» Records:
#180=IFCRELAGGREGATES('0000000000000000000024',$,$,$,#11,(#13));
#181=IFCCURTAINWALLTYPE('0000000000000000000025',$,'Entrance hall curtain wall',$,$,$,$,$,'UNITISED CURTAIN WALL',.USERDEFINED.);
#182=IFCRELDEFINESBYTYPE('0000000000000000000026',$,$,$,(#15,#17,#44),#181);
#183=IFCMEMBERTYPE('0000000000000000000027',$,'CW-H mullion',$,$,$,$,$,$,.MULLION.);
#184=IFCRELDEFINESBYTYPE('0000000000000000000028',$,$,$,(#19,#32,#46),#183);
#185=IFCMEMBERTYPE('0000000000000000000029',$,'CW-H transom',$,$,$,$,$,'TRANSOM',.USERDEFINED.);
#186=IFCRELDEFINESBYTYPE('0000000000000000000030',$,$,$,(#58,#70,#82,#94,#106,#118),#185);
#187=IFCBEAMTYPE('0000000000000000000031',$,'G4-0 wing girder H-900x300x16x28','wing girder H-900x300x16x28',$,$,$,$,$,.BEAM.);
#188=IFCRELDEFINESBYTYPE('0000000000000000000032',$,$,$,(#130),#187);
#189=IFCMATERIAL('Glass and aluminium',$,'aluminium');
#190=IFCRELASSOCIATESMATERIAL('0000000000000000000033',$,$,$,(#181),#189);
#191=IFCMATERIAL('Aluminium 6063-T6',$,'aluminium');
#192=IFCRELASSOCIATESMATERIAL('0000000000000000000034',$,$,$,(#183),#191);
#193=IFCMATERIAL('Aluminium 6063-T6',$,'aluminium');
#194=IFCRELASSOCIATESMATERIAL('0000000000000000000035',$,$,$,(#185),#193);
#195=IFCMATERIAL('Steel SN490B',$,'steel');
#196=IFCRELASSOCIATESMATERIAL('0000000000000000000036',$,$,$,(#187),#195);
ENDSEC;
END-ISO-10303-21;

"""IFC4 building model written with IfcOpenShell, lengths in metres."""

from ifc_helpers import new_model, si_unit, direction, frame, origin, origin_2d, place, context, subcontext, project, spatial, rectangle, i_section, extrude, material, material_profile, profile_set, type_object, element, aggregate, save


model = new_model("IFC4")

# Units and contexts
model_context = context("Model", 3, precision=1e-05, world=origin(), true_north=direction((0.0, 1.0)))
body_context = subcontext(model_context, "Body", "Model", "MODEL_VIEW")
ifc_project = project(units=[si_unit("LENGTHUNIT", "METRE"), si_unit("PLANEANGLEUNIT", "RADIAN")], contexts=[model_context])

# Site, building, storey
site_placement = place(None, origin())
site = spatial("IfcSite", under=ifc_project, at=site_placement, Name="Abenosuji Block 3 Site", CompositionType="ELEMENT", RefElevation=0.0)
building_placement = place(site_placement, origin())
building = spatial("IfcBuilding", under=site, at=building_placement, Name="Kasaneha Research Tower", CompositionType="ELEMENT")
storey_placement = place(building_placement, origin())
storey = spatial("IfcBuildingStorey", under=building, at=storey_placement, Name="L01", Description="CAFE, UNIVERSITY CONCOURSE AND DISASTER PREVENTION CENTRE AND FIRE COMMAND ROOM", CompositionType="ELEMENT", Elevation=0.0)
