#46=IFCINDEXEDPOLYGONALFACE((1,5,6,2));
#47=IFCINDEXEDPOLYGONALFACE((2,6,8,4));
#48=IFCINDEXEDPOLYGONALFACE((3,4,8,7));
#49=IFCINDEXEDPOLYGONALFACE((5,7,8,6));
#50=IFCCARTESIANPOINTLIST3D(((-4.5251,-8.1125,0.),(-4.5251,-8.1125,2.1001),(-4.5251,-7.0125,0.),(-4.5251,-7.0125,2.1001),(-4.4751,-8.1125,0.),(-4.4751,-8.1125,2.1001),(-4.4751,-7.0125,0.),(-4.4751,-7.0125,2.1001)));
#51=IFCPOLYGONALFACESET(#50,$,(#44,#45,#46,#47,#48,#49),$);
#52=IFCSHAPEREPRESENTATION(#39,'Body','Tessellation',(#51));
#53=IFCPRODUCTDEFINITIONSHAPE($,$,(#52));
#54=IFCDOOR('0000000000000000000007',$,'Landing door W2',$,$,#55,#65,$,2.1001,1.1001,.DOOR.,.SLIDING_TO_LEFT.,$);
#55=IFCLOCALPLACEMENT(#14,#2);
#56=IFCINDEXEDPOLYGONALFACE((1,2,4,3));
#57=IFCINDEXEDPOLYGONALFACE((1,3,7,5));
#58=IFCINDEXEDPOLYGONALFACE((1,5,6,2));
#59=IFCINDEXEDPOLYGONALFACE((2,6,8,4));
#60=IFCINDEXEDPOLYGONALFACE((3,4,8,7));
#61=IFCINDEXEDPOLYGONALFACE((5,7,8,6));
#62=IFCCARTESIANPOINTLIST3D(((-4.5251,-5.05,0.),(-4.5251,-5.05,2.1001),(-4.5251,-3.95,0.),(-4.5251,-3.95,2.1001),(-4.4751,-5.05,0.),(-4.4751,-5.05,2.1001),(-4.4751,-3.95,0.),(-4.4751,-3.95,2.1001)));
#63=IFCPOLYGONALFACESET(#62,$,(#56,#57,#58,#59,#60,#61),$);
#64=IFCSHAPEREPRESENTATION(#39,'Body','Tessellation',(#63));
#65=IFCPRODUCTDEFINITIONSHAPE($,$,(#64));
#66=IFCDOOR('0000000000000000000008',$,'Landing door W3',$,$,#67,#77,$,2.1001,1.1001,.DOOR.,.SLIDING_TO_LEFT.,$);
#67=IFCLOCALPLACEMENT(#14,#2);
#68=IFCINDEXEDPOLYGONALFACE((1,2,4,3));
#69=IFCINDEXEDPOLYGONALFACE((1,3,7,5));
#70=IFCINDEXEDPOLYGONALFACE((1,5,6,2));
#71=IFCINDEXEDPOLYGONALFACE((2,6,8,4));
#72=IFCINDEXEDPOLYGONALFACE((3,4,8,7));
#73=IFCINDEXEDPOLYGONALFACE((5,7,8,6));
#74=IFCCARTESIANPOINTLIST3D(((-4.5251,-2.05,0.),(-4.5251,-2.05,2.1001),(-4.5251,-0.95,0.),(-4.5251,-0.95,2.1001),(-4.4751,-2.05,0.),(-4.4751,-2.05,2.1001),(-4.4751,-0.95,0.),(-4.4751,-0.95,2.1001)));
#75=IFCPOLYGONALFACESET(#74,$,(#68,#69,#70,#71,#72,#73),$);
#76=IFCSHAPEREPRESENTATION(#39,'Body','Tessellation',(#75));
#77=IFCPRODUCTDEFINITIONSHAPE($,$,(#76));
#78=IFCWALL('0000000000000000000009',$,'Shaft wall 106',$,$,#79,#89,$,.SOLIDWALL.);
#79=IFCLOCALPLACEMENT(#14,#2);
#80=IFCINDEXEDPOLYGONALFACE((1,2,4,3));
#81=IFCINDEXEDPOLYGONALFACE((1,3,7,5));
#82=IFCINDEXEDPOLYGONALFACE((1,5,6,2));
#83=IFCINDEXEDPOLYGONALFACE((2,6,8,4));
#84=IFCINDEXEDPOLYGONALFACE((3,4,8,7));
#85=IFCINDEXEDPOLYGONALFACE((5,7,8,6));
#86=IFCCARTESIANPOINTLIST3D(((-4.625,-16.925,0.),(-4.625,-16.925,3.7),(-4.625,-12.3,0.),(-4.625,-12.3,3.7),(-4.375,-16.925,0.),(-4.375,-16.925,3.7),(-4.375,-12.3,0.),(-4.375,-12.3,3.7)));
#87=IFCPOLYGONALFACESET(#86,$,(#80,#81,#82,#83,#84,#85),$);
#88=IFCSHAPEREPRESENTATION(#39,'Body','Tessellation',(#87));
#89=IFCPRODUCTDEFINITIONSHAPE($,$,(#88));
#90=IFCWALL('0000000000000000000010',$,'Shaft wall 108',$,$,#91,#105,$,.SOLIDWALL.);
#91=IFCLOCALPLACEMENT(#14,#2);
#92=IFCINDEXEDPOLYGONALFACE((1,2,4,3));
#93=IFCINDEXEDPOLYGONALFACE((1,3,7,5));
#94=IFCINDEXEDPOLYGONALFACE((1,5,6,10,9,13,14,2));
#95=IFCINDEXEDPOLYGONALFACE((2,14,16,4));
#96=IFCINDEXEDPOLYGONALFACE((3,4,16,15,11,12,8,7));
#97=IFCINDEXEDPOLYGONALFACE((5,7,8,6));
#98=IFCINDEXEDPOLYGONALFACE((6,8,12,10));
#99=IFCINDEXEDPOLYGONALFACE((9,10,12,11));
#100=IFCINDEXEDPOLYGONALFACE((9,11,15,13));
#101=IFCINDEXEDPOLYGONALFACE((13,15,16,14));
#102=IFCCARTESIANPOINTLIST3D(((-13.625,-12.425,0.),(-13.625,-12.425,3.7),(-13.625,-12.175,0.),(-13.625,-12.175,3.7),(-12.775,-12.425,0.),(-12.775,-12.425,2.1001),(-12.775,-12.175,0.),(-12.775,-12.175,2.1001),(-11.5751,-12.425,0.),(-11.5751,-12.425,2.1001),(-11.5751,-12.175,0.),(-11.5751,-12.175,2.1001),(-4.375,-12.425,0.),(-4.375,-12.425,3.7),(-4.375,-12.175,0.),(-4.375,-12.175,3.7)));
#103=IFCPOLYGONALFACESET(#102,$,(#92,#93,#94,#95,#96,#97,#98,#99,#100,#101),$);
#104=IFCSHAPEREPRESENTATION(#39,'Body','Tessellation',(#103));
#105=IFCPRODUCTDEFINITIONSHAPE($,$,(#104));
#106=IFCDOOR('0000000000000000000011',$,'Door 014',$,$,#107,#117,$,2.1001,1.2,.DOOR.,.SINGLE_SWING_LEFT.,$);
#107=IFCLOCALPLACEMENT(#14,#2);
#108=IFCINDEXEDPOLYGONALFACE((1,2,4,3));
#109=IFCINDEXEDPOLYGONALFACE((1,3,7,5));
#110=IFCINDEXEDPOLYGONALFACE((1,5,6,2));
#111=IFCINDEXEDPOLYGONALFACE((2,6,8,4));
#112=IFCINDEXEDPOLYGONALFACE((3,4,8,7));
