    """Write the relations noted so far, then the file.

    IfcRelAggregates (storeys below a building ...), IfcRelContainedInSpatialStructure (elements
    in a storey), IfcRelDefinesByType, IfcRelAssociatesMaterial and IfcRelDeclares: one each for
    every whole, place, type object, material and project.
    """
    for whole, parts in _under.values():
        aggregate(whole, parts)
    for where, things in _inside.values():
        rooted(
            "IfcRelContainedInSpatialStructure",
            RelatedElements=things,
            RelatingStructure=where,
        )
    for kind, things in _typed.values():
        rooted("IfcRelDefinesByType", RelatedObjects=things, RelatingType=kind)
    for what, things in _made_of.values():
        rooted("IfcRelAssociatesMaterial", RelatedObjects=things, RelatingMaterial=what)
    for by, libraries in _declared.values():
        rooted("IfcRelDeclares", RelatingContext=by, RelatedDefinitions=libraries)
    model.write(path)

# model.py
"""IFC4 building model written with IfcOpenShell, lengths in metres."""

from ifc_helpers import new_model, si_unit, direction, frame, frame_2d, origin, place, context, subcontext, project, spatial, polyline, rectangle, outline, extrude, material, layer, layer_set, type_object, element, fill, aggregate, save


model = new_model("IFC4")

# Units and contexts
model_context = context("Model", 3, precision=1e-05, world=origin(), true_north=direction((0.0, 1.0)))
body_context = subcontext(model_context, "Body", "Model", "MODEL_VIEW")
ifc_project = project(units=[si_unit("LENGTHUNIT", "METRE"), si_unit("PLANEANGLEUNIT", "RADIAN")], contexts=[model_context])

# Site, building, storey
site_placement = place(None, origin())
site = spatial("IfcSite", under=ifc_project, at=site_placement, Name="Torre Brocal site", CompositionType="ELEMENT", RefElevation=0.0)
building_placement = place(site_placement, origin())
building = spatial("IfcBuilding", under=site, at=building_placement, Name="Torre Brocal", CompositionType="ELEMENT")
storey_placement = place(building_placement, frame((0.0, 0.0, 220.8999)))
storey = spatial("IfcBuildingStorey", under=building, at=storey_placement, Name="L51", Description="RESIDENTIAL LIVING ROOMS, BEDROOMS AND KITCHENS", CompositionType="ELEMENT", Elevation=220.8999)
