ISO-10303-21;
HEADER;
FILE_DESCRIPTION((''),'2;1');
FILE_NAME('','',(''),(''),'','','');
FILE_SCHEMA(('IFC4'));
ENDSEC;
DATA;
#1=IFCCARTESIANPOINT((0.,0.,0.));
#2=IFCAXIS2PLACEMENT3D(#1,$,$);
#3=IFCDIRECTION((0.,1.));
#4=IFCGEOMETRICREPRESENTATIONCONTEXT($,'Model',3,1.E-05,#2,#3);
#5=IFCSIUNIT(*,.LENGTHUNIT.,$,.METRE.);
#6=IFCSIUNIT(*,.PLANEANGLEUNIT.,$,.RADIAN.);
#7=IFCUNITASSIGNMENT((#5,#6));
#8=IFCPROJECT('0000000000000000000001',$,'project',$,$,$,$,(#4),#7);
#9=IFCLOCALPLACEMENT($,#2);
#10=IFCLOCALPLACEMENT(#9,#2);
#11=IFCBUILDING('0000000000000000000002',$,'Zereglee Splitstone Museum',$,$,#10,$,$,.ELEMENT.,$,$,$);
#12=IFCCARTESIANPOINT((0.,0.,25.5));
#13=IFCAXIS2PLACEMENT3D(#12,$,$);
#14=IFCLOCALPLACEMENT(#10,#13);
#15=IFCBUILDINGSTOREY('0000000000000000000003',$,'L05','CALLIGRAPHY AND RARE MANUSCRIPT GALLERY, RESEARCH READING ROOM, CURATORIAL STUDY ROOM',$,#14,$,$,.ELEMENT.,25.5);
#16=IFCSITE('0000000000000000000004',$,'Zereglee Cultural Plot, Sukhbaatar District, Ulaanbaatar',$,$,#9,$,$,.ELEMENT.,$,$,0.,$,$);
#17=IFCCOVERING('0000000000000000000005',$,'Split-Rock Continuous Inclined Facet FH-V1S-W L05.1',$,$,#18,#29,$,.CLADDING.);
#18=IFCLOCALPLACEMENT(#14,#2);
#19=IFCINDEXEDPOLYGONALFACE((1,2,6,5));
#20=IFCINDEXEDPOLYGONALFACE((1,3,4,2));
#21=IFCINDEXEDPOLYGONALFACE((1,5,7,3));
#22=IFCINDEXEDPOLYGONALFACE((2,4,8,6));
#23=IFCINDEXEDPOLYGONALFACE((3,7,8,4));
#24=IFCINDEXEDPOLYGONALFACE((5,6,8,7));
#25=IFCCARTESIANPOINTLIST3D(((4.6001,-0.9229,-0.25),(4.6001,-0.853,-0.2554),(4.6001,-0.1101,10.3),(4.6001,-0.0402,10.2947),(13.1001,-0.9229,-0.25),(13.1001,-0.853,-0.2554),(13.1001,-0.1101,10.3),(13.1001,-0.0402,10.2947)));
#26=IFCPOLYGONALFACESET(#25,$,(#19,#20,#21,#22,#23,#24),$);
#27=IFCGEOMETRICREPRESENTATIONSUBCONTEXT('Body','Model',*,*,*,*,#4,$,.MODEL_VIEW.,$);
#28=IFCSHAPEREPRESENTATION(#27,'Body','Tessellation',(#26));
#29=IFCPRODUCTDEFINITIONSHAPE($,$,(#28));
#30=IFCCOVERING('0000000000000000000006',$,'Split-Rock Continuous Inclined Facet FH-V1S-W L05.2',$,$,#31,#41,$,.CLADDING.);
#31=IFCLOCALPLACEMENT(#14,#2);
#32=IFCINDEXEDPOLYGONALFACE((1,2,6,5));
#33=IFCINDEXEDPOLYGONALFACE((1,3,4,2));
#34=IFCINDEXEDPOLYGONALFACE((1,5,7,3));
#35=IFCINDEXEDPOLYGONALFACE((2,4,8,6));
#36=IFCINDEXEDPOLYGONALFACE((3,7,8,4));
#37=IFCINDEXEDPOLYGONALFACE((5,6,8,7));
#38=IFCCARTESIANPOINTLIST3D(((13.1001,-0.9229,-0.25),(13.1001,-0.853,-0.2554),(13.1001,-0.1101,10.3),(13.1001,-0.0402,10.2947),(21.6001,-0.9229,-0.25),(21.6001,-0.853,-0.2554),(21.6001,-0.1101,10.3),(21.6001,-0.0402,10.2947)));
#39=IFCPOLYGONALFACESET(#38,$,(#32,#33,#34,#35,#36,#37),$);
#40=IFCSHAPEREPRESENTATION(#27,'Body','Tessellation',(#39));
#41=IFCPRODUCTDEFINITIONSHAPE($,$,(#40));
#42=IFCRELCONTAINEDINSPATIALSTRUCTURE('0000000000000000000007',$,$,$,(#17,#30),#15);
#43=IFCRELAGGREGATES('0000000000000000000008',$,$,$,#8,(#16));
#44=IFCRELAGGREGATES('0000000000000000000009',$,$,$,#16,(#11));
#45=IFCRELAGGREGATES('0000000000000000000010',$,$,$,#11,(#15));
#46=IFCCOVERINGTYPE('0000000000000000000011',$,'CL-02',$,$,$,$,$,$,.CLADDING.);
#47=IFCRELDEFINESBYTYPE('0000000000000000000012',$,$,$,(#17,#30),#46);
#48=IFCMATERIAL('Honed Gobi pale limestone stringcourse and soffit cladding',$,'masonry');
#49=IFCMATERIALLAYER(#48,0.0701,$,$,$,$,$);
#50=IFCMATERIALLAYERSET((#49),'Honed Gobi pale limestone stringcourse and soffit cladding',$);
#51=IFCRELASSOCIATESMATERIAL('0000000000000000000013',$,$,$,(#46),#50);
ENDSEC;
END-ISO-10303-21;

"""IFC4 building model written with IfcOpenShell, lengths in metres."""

from ifc_helpers import new_model, si_unit, direction, frame, origin, place, context, subcontext, project, spatial, polyline, outline, extrude, material, layer, layer_set, type_object, element, save


model = new_model("IFC4")

# Units and contexts
model_context = context("Model", 3, precision=1e-05, world=origin(), true_north=direction((0.0, 1.0)))
body_context = subcontext(model_context, "Body", "Model", "MODEL_VIEW")
ifc_project = project(units=[si_unit("LENGTHUNIT", "METRE"), si_unit("PLANEANGLEUNIT", "RADIAN")], contexts=[model_context])

# Site, building, storey
site_placement = place(None, origin())
site = spatial("IfcSite", under=ifc_project, at=site_placement, Name="Zereglee Cultural Plot, Sukhbaatar District, Ulaanbaatar", CompositionType="ELEMENT", RefElevation=0.0)
building_placement = place(site_placement, origin())
building = spatial("IfcBuilding", under=site, at=building_placement, Name="Zereglee Splitstone Museum", CompositionType="ELEMENT")
storey_placement = place(building_placement, frame((0.0, 0.0, 25.5)))
storey = spatial("IfcBuildingStorey", under=building, at=storey_placement, Name="L05", Description="CALLIGRAPHY AND RARE MANUSCRIPT GALLERY, RESEARCH READING ROOM, CURATORIAL STUDY ROOM", CompositionType="ELEMENT", Elevation=25.5)

# Coverings
ifc_material_1 = material(Name="Honed Gobi pale limestone stringcourse and soffit cladding", Category="masonry")
ifc_layer_1 = layer(ifc_material_1, 0.0701)
ifc_layer_set_1 = layer_set([ifc_layer_1], Name="Honed Gobi pale limestone stringcourse and soffit cladding")
covering_type = type_object("IfcCoveringType", Name="CL-02", PredefinedType="CLADDING", material=ifc_layer_set_1)
for number, where, z_axis, x_axis, name in (
    (1, (4.6001, -0.9229, -0.25), (0.0, -0.997046, 0.076809), (1.0, 0.0, 0.0), "Split-Rock Continuous Inclined Facet FH-V1S-W L05.1"),
    (2, (13.1001, -0.9229, -0.25), (0.0, -0.997046, 0.076809), (1.0, 0.0, 0.0), "Split-Rock Continuous Inclined Facet FH-V1S-W L05.2"),
):
    element("IfcCovering", number, at=place(storey_placement, frame(where, z_axis=z_axis, x_axis=x_axis)), inside=storey, type_object=covering_type, Name=name, PredefinedType="CLADDING", context=body_context, shape_type="SweptSolid", body=[
        extrude(outline(polyline([(0.0, 0.0), (8.5, 0.0), (8.5, 10.5813), (0.0, 10.5813), (0.0, 0.0)])), origin(), (0.0, 0.0, -1.0), 0.0701),
    ])

save(model, "model.ifc")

» Work order:
A line qualifies when it holds the word "DOOR"; report all qualifying lines from the records above.

» Solved problem:
#54=IFCDOOR('0000000000000000000007',$,'Landing door W2',$,$,#55,#65,$,2.1001,1.1001,.DOOR.,.SLIDING_TO_LEFT.,$);
#66=IFCDOOR('0000000000000000000008',$,'Landing door W3',$,$,#67,#77,$,2.1001,1.1001,.DOOR.,.SLIDING_TO_LEFT.,$);
#106=IFCDOOR('0000000000000000000011',$,'Door 014',$,$,#107,#117,$,2.1001,1.2,.DOOR.,.SINGLE_SWING_LEFT.,$);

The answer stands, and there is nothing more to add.